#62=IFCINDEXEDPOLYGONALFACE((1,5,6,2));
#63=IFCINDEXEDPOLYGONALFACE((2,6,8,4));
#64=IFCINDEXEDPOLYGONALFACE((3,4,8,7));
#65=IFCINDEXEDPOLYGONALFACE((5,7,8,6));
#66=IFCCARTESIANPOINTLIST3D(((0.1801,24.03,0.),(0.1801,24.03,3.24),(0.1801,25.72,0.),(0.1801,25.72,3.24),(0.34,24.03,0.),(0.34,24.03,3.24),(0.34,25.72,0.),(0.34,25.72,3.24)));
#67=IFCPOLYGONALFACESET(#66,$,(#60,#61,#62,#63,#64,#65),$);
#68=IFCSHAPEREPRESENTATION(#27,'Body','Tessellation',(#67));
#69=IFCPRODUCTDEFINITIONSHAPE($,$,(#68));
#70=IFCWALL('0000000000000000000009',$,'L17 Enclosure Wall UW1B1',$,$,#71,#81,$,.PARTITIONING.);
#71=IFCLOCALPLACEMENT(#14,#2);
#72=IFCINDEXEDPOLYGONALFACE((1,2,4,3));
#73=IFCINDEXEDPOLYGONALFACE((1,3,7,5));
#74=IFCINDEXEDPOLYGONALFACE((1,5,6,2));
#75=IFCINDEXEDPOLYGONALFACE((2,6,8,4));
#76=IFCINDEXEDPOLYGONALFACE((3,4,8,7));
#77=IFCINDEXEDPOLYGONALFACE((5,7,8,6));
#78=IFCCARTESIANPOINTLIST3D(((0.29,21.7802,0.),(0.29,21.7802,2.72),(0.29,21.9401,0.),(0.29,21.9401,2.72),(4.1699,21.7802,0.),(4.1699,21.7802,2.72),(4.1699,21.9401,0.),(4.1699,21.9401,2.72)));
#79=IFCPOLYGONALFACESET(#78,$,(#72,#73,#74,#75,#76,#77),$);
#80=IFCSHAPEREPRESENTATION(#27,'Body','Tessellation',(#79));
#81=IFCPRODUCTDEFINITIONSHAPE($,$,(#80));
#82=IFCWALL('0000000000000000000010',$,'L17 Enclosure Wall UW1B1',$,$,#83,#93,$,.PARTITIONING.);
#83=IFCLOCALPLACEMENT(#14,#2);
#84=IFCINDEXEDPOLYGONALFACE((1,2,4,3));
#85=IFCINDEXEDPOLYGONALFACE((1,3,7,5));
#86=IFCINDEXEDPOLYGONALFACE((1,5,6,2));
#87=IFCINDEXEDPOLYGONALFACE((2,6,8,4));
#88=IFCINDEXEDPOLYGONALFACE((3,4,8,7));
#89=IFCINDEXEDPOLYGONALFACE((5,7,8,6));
※
YOUR ASSIGNMENT: Wherever a line of the listing above contains the string "IFCSHAPEREPRESENTATION", copy that line.

COMPLETED EXERCISE:
#68=IFCSHAPEREPRESENTATION(#27,'Body','Tessellation',(#67));
#80=IFCSHAPEREPRESENTATION(#27,'Body','Tessellation',(#79));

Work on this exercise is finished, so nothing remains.